▶ _Assignment_:
For the entries below, the result should be an exact transcription of the lines from the one with "#96=IFCPRODUCTDEFINITIONSHAPE($,$,(#95));" up to and including the one with "END-ISO-10303-21;", and only those.

▶ _Extracted entries_:
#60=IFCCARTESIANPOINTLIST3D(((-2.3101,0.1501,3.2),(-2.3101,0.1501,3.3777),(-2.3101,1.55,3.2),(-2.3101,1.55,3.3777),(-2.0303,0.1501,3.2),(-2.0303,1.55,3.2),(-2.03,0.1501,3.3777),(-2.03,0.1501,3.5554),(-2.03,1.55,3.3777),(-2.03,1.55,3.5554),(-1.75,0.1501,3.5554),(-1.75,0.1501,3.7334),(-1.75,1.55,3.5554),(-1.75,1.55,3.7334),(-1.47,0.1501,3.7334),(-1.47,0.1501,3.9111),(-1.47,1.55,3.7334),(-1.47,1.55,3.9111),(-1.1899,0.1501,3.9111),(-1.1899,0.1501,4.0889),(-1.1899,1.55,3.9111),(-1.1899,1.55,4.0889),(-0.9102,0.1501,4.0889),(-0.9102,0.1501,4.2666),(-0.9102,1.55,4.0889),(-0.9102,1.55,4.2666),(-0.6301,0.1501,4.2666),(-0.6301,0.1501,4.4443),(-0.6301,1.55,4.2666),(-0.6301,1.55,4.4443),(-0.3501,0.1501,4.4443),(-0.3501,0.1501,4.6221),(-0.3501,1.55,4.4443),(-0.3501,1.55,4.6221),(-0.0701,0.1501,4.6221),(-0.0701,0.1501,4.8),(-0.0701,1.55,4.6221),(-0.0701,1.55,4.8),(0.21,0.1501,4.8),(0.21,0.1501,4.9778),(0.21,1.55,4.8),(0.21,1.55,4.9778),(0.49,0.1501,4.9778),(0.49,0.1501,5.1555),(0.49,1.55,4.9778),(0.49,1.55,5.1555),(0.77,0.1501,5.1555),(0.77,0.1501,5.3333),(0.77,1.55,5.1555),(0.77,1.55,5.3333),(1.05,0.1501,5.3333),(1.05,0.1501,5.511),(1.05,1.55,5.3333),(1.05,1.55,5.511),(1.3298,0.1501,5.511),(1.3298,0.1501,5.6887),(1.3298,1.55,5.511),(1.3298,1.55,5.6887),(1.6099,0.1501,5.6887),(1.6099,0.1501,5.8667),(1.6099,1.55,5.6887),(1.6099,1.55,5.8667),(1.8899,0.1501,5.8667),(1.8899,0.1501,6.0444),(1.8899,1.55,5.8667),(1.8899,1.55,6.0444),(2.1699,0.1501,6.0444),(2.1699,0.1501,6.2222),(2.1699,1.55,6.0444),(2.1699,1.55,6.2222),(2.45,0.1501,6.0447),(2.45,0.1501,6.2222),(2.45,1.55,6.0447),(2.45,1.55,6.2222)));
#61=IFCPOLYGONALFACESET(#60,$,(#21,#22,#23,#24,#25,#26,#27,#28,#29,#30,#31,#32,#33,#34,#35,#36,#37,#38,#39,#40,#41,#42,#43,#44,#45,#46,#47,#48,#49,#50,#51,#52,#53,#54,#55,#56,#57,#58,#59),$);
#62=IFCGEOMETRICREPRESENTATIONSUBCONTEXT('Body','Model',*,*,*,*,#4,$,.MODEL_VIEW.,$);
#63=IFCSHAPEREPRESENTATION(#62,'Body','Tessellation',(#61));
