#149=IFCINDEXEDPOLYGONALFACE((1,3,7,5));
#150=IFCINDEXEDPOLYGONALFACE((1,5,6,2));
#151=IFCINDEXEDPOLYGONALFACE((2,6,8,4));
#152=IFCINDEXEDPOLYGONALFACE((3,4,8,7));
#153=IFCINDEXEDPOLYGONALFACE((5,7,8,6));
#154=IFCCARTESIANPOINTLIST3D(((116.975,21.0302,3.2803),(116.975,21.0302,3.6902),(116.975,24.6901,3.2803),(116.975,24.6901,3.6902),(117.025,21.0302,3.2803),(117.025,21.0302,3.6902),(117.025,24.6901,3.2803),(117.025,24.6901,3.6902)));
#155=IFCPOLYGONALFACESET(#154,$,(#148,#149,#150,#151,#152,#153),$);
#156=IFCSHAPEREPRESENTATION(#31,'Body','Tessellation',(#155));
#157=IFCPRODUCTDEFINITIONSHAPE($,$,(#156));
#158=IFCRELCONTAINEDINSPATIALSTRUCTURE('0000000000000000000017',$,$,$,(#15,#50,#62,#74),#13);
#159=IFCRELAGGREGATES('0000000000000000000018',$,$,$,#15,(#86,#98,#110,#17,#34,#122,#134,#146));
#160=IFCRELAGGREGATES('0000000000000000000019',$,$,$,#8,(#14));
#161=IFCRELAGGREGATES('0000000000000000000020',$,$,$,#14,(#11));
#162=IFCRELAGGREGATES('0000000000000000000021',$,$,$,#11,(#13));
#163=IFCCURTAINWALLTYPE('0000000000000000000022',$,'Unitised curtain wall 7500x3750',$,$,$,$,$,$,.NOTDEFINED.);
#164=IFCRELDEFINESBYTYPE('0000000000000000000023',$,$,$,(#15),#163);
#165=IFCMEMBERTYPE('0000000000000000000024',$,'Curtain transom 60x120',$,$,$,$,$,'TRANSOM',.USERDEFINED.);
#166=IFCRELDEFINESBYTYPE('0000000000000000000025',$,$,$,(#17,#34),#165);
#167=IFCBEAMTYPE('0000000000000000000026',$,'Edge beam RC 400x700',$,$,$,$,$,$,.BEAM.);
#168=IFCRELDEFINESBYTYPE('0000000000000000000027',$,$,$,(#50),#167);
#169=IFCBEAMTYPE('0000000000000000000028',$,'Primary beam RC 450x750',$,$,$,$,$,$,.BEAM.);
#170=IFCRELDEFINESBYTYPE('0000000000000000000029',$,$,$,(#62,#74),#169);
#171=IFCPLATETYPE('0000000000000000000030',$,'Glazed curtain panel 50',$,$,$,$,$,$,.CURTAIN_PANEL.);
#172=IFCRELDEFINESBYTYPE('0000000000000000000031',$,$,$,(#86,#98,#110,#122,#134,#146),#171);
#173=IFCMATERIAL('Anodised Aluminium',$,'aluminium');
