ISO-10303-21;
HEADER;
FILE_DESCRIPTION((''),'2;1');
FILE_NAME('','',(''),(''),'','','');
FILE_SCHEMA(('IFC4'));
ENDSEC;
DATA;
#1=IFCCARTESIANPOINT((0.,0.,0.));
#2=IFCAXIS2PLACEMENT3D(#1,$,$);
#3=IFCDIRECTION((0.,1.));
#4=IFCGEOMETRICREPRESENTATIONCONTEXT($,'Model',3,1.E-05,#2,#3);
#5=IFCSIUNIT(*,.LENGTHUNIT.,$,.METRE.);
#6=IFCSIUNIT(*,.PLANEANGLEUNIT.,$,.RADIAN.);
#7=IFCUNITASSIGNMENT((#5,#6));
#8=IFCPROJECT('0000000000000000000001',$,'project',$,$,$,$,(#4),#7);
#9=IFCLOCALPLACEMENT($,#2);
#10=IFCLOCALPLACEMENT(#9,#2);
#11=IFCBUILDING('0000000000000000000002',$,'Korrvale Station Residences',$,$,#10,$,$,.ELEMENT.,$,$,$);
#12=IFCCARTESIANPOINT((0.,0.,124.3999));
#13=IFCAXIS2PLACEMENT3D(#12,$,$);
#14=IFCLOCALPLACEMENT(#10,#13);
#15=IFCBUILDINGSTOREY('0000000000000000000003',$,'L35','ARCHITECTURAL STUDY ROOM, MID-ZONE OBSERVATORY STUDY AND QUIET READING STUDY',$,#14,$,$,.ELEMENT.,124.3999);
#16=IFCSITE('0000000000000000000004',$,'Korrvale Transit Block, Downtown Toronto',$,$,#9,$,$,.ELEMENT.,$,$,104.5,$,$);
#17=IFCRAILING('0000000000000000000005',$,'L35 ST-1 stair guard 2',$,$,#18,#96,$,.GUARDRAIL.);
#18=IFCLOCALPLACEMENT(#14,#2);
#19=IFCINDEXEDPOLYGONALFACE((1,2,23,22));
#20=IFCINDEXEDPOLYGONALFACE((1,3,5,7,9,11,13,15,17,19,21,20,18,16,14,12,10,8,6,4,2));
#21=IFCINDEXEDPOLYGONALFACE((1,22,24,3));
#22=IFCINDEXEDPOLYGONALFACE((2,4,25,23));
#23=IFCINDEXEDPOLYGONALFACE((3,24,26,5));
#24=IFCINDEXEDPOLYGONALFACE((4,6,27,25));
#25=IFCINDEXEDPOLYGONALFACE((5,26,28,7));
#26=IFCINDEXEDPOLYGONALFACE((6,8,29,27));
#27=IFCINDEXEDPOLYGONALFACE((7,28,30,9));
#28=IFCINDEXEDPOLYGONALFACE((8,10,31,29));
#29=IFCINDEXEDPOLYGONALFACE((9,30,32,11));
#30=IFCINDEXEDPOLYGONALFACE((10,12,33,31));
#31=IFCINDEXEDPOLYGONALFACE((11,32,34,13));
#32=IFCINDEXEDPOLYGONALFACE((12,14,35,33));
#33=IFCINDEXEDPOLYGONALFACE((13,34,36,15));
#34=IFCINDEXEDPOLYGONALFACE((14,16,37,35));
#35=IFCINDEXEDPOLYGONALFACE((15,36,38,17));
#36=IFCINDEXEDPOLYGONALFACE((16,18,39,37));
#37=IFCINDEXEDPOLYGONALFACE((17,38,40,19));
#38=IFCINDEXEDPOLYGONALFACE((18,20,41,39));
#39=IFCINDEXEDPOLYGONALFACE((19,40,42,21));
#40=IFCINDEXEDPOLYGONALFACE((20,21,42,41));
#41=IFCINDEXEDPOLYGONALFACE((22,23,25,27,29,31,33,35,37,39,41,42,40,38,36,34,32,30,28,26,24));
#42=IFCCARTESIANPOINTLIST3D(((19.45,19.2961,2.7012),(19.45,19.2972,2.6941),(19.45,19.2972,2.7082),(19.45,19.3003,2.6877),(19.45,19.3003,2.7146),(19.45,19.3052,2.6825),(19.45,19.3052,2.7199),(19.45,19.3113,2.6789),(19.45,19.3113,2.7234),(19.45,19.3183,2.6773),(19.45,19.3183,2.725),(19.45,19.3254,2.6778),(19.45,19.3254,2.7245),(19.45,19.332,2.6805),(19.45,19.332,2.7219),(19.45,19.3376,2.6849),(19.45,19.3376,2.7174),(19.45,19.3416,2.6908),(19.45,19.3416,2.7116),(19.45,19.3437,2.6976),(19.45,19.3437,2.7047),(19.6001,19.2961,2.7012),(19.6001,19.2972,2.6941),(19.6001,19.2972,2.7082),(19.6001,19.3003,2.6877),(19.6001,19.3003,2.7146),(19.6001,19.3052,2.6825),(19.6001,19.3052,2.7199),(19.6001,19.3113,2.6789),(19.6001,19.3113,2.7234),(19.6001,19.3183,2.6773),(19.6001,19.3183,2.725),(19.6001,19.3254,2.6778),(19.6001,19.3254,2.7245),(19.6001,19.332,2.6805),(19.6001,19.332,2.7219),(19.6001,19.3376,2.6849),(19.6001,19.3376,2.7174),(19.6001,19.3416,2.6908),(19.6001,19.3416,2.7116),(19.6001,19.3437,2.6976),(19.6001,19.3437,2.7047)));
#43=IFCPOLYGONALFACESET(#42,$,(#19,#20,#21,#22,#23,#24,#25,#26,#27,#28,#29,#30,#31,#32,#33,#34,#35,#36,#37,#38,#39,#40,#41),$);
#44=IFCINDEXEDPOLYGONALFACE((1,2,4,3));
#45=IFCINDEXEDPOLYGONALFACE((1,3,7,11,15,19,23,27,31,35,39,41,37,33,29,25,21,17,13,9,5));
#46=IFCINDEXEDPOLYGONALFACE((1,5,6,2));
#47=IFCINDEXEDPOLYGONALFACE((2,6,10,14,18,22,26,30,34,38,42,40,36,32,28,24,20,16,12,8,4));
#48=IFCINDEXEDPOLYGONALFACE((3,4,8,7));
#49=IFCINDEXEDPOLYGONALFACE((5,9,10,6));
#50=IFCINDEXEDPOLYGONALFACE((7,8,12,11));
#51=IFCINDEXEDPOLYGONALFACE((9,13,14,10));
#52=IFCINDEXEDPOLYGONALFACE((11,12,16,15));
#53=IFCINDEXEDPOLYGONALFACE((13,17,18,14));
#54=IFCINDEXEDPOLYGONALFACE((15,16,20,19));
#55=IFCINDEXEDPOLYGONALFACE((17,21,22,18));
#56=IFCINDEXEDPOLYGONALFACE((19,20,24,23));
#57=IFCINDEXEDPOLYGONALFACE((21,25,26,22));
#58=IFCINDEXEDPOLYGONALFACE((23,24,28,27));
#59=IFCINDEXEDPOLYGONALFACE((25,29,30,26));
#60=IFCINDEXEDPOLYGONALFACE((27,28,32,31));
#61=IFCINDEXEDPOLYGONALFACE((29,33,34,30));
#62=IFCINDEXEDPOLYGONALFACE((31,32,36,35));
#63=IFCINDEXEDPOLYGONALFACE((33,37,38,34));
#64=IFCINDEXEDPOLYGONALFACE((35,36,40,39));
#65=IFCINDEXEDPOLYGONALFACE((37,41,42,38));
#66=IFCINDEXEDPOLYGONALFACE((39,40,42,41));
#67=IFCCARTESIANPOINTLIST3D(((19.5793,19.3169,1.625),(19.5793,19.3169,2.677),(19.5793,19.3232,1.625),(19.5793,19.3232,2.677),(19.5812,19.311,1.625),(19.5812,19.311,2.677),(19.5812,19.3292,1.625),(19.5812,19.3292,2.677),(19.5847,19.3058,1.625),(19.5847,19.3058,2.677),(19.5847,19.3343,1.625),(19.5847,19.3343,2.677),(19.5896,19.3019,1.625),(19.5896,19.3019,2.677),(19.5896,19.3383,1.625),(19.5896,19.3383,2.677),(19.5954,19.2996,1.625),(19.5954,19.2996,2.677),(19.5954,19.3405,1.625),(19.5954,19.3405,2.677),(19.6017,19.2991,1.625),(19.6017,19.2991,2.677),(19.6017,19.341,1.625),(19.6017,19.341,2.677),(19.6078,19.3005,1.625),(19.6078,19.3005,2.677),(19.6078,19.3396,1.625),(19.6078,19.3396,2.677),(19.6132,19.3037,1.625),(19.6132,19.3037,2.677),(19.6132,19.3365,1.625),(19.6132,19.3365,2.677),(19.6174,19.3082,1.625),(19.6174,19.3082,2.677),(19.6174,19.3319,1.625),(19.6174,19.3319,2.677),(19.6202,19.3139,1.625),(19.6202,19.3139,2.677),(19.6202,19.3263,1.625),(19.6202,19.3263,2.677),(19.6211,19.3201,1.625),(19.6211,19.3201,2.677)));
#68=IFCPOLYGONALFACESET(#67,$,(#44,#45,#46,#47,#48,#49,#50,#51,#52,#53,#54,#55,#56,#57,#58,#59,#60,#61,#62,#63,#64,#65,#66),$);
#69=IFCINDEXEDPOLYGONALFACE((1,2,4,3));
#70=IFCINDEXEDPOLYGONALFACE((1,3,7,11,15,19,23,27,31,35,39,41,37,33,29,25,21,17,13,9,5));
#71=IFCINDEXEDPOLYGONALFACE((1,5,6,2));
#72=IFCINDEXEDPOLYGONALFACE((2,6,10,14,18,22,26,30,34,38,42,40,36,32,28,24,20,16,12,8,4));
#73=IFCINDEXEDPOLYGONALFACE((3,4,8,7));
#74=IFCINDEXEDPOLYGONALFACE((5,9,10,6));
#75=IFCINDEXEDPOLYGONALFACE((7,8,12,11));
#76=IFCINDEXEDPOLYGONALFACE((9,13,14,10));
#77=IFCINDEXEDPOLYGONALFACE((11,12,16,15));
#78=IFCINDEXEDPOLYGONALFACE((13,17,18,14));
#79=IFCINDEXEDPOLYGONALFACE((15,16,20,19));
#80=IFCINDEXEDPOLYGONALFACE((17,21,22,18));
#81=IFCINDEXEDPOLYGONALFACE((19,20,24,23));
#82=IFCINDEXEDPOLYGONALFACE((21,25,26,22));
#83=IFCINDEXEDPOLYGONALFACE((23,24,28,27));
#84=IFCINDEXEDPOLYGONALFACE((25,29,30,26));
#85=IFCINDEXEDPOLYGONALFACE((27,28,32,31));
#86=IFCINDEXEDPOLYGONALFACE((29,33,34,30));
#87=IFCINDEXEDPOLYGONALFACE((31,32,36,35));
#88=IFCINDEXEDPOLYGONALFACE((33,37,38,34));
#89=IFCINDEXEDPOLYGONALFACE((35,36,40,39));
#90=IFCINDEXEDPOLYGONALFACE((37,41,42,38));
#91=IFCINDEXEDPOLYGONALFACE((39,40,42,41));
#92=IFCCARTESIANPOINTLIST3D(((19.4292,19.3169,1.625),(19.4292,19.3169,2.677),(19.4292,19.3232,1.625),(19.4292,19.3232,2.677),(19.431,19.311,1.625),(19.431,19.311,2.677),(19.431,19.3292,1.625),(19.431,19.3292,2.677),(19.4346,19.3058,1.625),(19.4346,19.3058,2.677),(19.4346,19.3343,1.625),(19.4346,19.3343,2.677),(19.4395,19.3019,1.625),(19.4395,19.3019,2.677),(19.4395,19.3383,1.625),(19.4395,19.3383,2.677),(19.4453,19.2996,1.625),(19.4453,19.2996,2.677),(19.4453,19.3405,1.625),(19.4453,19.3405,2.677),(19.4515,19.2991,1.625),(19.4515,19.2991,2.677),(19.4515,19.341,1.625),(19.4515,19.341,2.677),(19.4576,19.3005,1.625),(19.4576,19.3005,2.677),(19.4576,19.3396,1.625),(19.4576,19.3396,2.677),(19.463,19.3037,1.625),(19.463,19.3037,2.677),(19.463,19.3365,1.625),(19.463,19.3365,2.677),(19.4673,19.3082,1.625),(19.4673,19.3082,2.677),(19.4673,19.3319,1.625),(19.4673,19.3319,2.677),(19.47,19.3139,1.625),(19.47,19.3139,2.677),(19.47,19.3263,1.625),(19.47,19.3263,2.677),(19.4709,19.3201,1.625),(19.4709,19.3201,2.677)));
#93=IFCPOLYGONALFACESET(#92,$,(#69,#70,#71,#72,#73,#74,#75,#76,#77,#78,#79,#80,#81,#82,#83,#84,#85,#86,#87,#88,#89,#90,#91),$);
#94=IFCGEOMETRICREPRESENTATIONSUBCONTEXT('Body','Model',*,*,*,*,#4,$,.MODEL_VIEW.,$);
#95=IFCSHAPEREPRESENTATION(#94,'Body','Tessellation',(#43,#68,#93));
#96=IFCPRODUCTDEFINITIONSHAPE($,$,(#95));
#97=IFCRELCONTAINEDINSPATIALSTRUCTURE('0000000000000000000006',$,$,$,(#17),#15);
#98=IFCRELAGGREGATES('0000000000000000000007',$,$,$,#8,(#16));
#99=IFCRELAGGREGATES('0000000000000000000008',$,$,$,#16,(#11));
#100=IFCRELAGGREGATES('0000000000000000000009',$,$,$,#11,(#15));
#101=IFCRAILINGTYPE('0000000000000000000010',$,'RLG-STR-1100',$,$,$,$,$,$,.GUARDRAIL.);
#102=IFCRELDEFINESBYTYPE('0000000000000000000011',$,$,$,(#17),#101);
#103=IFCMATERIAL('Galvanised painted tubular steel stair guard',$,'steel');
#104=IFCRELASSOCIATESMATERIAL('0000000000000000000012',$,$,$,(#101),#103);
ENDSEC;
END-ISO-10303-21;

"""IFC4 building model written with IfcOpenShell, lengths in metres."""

from ifc_helpers import new_model, si_unit, direction, frame, origin, origin_2d, place, context, subcontext, project, spatial, circle, extrude, material, type_object, element, save


model = new_model("IFC4")

# Units and contexts
model_context = context("Model", 3, precision=1e-05, world=origin(), true_north=direction((0.0, 1.0)))
body_context = subcontext(model_context, "Body", "Model", "MODEL_VIEW")
ifc_project = project(units=[si_unit("LENGTHUNIT", "METRE"), si_unit("PLANEANGLEUNIT", "RADIAN")], contexts=[model_context])

# Site, building, storey
site_placement = place(None, origin())
site = spatial("IfcSite", under=ifc_project, at=site_placement, Name="Korrvale Transit Block, Downtown Toronto", CompositionType="ELEMENT", RefElevation=104.5)
building_placement = place(site_placement, origin())
building = spatial("IfcBuilding", under=site, at=building_placement, Name="Korrvale Station Residences", CompositionType="ELEMENT")
storey_placement = place(building_placement, frame((0.0, 0.0, 124.3999)))
storey = spatial("IfcBuildingStorey", under=building, at=storey_placement, Name="L35", Description="ARCHITECTURAL STUDY ROOM, MID-ZONE OBSERVATORY STUDY AND QUIET READING STUDY", CompositionType="ELEMENT", Elevation=124.3999)

# Railing
ifc_material_1 = material(Name="Galvanised painted tubular steel stair guard", Category="steel")
railing_type_1 = type_object("IfcRailingType", Name="RLG-STR-1100", PredefinedType="GUARDRAIL", material=ifc_material_1)
railing_1_placement = place(storey_placement, frame((19.6001, 19.3201, 1.625)))
element("IfcRailing", 1, at=railing_1_placement, inside=storey, type_object=railing_type_1, Name="L35 ST-1 stair guard 2", PredefinedType="GUARDRAIL", context=body_context, shape_type="SweptSolid", body=[
    extrude(circle(Radius=0.0239, at=origin_2d()), frame((0.0, 0.0, 1.0762), z_axis=(-1.0, 0.0, 0.0), x_axis=(0.0, -1.0, 0.0)), (0.0, 0.0, 1.0), 0.1501),
    extrude(circle(Radius=0.021, at=origin_2d()), origin(), (0.0, 0.0, 1.0), 1.052),
    extrude(circle(Radius=0.021, at=origin_2d()), frame((-0.1501, 0.0, 0.0)), (0.0, 0.0, 1.0), 1.052),
])

save(model, "model.ifc")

▶ _Expected answer_:
#96=IFCPRODUCTDEFINITIONSHAPE($,$,(#95));
#97=IFCRELCONTAINEDINSPATIALSTRUCTURE('0000000000000000000006',$,$,$,(#17),#15);
#98=IFCRELAGGREGATES('0000000000000000000007',$,$,$,#8,(#16));
#99=IFCRELAGGREGATES('0000000000000000000008',$,$,$,#16,(#11));
#100=IFCRELAGGREGATES('0000000000000000000009',$,$,$,#11,(#15));
#101=IFCRAILINGTYPE('0000000000000000000010',$,'RLG-STR-1100',$,$,$,$,$,$,.GUARDRAIL.);
#102=IFCRELDEFINESBYTYPE('0000000000000000000011',$,$,$,(#17),#101);
#103=IFCMATERIAL('Galvanised painted tubular steel stair guard',$,'steel');
#104=IFCRELASSOCIATESMATERIAL('0000000000000000000012',$,$,$,(#101),#103);
ENDSEC;
END-ISO-10303-21;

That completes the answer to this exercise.